Stored data:
* * *

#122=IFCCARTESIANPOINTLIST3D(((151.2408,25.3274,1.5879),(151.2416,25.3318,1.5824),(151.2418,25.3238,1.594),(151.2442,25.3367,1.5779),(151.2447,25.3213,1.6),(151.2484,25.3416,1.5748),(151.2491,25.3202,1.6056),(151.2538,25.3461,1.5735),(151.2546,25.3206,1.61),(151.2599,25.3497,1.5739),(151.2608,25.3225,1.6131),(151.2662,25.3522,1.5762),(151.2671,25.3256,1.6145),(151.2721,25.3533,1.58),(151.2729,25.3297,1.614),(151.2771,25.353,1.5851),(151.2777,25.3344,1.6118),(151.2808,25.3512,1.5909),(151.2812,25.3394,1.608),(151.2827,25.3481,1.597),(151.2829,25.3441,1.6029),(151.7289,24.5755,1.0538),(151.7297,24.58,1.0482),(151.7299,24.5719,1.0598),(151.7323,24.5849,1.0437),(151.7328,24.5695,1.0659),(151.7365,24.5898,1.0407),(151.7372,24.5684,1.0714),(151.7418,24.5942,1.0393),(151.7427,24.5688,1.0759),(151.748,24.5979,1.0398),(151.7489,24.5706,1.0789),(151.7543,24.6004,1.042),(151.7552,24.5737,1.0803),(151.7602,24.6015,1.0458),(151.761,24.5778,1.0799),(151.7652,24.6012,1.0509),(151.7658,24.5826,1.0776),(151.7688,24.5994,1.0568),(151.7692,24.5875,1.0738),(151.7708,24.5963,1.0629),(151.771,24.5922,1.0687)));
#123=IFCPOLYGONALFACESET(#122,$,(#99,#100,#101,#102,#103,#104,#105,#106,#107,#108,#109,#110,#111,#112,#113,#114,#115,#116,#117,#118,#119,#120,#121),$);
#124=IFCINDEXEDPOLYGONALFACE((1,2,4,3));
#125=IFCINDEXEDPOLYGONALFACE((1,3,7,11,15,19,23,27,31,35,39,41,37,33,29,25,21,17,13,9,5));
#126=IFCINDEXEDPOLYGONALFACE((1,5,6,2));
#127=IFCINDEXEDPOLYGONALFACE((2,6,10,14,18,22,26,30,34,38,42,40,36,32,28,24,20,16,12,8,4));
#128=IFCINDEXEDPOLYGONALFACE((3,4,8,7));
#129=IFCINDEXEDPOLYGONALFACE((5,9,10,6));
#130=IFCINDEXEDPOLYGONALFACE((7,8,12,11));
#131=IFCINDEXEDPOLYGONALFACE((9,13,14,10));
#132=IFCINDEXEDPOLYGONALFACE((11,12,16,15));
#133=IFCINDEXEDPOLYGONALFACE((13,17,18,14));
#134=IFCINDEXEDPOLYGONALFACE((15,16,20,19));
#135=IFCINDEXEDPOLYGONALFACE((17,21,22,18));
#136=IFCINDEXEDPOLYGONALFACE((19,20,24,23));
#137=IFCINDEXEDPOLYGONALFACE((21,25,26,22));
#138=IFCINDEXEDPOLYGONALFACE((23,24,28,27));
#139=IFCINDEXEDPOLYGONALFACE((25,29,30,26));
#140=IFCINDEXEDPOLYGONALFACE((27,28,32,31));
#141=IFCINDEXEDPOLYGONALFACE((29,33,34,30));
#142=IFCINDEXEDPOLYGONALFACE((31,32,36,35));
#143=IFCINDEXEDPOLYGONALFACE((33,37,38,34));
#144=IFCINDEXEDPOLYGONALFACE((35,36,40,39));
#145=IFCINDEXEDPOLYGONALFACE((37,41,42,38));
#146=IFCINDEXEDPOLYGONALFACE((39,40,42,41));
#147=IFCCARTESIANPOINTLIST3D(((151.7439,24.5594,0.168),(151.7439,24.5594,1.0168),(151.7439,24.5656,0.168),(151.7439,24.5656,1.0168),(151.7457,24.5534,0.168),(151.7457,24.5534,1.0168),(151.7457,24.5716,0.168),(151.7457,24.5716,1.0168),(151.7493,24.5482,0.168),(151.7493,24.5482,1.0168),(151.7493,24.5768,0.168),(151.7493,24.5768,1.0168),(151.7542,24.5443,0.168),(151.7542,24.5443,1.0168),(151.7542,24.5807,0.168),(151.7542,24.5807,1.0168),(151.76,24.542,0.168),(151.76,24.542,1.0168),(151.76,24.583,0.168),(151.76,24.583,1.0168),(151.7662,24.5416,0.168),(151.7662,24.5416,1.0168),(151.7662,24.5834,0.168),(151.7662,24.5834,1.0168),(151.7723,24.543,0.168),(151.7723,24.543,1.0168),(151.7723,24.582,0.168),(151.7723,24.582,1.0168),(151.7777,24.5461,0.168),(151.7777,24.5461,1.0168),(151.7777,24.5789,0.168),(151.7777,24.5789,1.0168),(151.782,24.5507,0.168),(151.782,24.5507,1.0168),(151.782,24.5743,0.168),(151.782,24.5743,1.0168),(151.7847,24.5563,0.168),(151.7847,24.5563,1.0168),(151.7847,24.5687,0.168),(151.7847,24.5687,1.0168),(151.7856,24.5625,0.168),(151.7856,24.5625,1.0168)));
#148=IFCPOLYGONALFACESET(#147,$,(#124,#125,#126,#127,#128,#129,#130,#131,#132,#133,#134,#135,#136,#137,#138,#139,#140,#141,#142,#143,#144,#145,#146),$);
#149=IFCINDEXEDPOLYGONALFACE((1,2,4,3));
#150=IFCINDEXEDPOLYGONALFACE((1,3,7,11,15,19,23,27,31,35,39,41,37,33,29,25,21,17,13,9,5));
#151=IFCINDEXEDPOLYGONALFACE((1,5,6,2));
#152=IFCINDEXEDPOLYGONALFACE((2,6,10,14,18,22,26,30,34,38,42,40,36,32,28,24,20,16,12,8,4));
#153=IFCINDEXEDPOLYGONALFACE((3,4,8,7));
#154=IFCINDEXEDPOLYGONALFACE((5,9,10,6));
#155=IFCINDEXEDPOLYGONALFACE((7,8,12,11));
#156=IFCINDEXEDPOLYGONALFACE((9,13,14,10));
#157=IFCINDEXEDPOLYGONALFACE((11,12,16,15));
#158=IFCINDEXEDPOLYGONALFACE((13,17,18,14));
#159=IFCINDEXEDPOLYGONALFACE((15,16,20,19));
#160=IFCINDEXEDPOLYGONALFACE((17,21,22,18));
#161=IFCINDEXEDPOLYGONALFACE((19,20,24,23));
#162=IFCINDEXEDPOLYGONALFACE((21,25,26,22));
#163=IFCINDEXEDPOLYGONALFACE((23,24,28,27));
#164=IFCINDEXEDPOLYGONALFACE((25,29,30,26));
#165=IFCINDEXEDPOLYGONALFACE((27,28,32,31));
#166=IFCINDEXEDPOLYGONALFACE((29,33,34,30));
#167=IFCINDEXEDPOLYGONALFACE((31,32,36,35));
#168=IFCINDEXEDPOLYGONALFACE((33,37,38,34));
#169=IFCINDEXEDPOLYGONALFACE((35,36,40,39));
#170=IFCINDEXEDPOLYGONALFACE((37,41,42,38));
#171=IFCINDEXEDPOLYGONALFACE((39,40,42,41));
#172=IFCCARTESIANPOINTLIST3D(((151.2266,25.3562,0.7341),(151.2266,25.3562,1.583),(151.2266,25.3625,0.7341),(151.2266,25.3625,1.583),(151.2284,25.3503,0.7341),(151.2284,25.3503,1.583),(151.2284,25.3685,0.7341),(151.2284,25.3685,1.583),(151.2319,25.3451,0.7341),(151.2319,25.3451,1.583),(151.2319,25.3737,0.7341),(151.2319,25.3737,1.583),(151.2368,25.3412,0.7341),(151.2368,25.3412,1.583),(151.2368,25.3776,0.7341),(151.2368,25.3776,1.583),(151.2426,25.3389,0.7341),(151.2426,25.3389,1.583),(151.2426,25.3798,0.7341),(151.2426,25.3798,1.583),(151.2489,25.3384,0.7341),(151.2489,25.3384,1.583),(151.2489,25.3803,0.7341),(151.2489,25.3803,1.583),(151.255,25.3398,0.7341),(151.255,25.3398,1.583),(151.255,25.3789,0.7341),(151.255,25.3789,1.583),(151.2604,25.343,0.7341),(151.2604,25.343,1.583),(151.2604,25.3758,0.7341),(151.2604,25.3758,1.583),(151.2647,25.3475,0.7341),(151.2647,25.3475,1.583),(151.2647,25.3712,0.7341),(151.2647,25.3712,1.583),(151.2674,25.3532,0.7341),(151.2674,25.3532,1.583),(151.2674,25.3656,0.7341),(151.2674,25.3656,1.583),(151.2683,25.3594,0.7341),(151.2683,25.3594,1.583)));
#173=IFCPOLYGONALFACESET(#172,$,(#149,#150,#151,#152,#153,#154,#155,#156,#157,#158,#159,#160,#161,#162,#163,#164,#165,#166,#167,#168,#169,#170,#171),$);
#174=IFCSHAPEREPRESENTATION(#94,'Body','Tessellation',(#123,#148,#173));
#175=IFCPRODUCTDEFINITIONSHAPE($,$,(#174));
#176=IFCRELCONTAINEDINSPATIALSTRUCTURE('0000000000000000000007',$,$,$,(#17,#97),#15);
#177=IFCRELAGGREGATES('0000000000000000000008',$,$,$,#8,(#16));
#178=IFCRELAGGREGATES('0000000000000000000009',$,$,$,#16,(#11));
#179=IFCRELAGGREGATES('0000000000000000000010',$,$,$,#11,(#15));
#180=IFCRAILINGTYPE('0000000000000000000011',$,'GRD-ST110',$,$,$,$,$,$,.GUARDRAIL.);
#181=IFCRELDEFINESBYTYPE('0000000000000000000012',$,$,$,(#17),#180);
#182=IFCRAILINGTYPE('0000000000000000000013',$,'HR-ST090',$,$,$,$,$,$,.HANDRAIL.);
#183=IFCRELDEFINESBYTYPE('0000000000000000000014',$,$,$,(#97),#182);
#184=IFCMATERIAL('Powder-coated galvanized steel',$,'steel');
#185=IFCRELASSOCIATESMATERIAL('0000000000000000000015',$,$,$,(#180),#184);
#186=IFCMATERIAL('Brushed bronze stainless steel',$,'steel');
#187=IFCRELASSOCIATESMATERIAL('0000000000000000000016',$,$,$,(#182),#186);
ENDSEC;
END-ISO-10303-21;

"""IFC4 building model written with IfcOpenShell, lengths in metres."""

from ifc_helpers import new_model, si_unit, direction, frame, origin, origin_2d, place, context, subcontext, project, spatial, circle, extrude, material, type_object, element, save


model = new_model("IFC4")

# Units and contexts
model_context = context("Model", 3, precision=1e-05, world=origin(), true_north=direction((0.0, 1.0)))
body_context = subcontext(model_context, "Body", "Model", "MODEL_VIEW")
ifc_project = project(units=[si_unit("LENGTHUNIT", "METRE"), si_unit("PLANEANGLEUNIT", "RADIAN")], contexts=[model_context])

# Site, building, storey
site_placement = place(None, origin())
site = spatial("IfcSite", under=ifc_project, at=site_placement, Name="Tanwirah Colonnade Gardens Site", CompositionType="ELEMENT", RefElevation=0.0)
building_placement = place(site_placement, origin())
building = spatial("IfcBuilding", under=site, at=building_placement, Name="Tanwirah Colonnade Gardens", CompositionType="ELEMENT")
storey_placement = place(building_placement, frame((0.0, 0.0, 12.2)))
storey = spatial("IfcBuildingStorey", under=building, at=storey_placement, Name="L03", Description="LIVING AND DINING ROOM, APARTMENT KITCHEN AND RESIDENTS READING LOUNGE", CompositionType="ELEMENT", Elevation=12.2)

* * *

Working from the records above, write out verbatim only the lines from the line containing "#186=IFCMATERIAL('Brushed bronze stainless" through the line containing "building model written".

## Solution to the problem
#186=IFCMATERIAL('Brushed bronze stainless steel',$,'steel');
#187=IFCRELASSOCIATESMATERIAL('0000000000000000000016',$,$,$,(#182),#186);
ENDSEC;
END-ISO-10303-21;

"""IFC4 building model written with IfcOpenShell, lengths in metres."""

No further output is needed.